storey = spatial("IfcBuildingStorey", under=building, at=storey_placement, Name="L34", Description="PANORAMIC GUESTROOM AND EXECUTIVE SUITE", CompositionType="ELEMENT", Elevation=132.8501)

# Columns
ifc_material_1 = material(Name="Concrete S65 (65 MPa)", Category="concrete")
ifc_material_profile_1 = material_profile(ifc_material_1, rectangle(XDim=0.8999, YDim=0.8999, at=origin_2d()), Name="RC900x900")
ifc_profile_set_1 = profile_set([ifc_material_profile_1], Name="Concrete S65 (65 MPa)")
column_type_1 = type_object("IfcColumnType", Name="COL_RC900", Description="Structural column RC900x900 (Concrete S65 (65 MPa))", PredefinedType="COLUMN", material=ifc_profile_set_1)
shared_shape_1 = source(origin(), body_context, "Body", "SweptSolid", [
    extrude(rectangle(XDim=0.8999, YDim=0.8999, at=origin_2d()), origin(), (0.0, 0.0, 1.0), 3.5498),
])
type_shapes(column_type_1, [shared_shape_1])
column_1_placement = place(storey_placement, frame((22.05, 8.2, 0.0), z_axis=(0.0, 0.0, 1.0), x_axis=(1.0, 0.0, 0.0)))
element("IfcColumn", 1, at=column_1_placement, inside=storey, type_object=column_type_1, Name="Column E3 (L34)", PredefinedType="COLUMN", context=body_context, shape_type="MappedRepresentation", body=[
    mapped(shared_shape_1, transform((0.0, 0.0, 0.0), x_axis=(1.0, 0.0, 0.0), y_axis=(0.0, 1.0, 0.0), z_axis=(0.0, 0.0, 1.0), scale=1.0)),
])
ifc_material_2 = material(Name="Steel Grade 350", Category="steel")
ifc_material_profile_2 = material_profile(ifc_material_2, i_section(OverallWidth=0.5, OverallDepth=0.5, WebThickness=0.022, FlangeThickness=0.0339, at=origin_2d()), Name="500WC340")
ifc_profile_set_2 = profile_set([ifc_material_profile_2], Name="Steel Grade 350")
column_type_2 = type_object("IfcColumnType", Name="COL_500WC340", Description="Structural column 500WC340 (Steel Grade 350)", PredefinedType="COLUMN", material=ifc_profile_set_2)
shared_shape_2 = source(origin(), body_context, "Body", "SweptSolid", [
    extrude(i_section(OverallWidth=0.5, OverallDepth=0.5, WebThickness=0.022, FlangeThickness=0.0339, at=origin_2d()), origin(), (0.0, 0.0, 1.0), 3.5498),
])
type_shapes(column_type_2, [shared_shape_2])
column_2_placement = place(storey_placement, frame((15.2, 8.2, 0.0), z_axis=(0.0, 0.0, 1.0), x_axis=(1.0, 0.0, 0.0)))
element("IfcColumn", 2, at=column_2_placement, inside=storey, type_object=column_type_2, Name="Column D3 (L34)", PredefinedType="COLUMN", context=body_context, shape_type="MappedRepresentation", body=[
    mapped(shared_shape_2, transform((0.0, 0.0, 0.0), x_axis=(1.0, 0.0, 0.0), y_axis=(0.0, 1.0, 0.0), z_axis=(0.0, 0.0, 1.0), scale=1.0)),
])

**The problem**
Repeat the listing exactly, keeping every word in place.

**Solution**
storey = spatial("IfcBuildingStorey", under=building, at=storey_placement, Name="L34", Description="PANORAMIC GUESTROOM AND EXECUTIVE SUITE", CompositionType="ELEMENT", Elevation=132.8501)

# Columns
ifc_material_1 = material(Name="Concrete S65 (65 MPa)", Category="concrete")
ifc_material_profile_1 = material_profile(ifc_material_1, rectangle(XDim=0.8999, YDim=0.8999, at=origin_2d()), Name="RC900x900")
ifc_profile_set_1 = profile_set([ifc_material_profile_1], Name="Concrete S65 (65 MPa)")
column_type_1 = type_object("IfcColumnType", Name="COL_RC900", Description="Structural column RC900x900 (Concrete S65 (65 MPa))", PredefinedType="COLUMN", material=ifc_profile_set_1)
shared_shape_1 = source(origin(), body_context, "Body", "SweptSolid", [
    extrude(rectangle(XDim=0.8999, YDim=0.8999, at=origin_2d()), origin(), (0.0, 0.0, 1.0), 3.5498),
])
type_shapes(column_type_1, [shared_shape_1])
column_1_placement = place(storey_placement, frame((22.05, 8.2, 0.0), z_axis=(0.0, 0.0, 1.0), x_axis=(1.0, 0.0, 0.0)))
element("IfcColumn", 1, at=column_1_placement, inside=storey, type_object=column_type_1, Name="Column E3 (L34)", PredefinedType="COLUMN", context=body_context, shape_type="MappedRepresentation", body=[
    mapped(shared_shape_1, transform((0.0, 0.0, 0.0), x_axis=(1.0, 0.0, 0.0), y_axis=(0.0, 1.0, 0.0), z_axis=(0.0, 0.0, 1.0), scale=1.0)),
])
ifc_material_2 = material(Name="Steel Grade 350", Category="steel")
ifc_material_profile_2 = material_profile(ifc_material_2, i_section(OverallWidth=0.5, OverallDepth=0.5, WebThickness=0.022, FlangeThickness=0.0339, at=origin_2d()), Name="500WC340")
ifc_profile_set_2 = profile_set([ifc_material_profile_2], Name="Steel Grade 350")
column_type_2 = type_object("IfcColumnType", Name="COL_500WC340", Description="Structural column 500WC340 (Steel Grade 350)", PredefinedType="COLUMN", material=ifc_profile_set_2)
shared_shape_2 = source(origin(), body_context, "Body", "SweptSolid", [
    extrude(i_section(OverallWidth=0.5, OverallDepth=0.5, WebThickness=0.022, FlangeThickness=0.0339, at=origin_2d()), origin(), (0.0, 0.0, 1.0), 3.5498),
])
type_shapes(column_type_2, [shared_shape_2])
column_2_placement = place(storey_placement, frame((15.2, 8.2, 0.0), z_axis=(0.0, 0.0, 1.0), x_axis=(1.0, 0.0, 0.0)))
element("IfcColumn", 2, at=column_2_placement, inside=storey, type_object=column_type_2, Name="Column D3 (L34)", PredefinedType="COLUMN", context=body_context, shape_type="MappedRepresentation", body=[
    mapped(shared_shape_2, transform((0.0, 0.0, 0.0), x_axis=(1.0, 0.0, 0.0), y_axis=(0.0, 1.0, 0.0), z_axis=(0.0, 0.0, 1.0), scale=1.0)),
])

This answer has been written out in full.